BEGIN

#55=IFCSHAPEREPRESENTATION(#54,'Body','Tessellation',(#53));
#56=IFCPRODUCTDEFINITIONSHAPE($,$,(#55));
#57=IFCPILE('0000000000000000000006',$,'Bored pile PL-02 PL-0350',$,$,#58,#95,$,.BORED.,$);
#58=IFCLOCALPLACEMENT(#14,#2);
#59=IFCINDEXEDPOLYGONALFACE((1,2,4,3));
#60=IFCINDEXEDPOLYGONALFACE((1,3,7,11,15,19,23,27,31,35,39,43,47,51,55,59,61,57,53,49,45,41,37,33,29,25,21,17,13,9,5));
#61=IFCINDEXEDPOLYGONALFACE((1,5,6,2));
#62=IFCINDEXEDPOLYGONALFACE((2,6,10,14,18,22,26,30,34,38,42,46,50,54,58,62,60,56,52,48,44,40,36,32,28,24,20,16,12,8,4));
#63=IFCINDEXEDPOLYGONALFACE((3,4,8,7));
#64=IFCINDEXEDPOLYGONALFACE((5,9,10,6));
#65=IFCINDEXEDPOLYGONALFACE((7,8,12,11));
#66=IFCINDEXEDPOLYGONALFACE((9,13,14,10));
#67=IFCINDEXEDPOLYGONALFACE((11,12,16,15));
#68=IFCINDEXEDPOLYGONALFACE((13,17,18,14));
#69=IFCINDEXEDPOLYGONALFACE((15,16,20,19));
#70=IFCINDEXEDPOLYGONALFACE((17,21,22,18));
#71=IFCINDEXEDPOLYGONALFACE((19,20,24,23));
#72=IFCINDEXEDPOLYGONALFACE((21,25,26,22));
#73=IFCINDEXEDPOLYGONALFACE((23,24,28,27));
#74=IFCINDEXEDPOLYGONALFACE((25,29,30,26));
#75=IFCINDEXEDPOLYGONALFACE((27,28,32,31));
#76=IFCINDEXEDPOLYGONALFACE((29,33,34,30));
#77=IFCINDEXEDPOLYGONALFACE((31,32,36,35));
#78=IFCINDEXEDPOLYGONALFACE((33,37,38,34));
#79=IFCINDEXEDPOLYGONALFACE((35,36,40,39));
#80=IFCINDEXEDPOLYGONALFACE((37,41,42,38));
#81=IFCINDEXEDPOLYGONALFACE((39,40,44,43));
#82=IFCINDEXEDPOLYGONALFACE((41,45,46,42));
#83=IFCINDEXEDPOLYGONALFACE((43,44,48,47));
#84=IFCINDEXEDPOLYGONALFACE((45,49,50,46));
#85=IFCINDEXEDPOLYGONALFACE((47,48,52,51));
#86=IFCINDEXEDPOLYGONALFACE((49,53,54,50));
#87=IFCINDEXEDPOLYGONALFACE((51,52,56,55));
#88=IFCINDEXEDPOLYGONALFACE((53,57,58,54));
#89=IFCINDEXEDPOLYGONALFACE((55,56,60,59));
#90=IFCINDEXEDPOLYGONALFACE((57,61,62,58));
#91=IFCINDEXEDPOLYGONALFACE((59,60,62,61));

END
BEGIN

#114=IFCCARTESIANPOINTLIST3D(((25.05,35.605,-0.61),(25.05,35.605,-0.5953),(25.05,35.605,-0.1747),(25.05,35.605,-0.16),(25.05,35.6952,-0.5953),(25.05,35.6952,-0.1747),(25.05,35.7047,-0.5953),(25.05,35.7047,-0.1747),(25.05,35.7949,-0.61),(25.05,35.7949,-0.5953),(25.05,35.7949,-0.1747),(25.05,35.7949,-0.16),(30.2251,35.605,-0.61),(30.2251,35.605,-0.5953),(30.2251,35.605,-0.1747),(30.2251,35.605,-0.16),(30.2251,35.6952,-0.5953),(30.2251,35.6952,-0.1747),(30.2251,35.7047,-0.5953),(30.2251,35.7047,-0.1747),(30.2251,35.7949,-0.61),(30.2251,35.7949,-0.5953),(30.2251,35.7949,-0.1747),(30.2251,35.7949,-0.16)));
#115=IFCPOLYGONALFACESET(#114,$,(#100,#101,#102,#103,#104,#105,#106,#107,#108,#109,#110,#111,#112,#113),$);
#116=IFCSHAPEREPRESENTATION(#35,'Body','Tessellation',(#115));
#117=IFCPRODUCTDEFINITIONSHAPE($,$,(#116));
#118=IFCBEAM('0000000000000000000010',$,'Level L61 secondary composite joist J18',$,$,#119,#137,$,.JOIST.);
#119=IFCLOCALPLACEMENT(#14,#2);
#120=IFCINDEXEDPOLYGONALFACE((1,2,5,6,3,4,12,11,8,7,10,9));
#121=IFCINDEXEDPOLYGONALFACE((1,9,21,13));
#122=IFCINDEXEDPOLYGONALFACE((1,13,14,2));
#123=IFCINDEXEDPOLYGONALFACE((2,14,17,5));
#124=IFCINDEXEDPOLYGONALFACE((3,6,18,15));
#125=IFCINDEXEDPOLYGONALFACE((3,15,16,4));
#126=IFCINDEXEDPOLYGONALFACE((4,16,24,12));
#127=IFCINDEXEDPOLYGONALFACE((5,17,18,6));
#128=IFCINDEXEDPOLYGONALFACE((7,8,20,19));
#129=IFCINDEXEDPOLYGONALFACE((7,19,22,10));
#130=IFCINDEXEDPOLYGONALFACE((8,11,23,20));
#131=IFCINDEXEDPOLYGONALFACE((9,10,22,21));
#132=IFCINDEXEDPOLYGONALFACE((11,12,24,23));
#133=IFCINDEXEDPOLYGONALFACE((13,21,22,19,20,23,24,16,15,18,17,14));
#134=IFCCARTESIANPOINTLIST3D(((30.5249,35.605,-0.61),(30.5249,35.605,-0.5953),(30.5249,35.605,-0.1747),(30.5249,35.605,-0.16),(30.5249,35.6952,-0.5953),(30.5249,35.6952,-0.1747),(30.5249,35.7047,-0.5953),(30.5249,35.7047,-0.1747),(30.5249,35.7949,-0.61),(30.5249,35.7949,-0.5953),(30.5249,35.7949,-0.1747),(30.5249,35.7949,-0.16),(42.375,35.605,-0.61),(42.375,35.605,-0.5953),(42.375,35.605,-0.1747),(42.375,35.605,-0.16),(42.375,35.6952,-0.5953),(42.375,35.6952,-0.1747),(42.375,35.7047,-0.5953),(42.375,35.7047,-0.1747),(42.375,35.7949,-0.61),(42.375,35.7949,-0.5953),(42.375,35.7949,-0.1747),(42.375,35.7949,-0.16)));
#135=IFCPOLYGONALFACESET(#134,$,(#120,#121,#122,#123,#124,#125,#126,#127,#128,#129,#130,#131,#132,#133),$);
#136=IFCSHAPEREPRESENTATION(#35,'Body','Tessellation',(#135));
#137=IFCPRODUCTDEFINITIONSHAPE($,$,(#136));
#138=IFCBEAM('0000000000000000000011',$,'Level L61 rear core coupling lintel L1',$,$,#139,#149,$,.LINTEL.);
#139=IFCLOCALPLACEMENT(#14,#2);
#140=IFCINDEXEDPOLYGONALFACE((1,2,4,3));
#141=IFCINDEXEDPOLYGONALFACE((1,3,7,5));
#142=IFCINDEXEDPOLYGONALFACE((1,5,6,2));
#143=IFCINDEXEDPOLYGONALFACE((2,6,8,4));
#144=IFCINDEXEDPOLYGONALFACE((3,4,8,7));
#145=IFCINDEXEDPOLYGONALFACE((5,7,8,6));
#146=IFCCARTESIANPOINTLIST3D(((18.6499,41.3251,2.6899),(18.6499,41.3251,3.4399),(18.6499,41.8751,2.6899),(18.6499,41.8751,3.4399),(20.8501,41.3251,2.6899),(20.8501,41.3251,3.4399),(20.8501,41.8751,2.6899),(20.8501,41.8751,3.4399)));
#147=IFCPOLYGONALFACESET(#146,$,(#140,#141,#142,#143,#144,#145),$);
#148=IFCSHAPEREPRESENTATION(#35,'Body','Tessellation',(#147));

END

In the listing above, locate the line containing "#87=IFCINDEXEDPOLYGONALFACE((51,52,56,55));" and the line containing "#91=IFCINDEXEDPOLYGONALFACE((59,60,62,61));". Extract those two lines and every line between them, exactly as written, and only those.

#87=IFCINDEXEDPOLYGONALFACE((51,52,56,55));
#88=IFCINDEXEDPOLYGONALFACE((53,57,58,54));
#89=IFCINDEXEDPOLYGONALFACE((55,56,60,59));
#90=IFCINDEXEDPOLYGONALFACE((57,61,62,58));
#91=IFCINDEXEDPOLYGONALFACE((59,60,62,61));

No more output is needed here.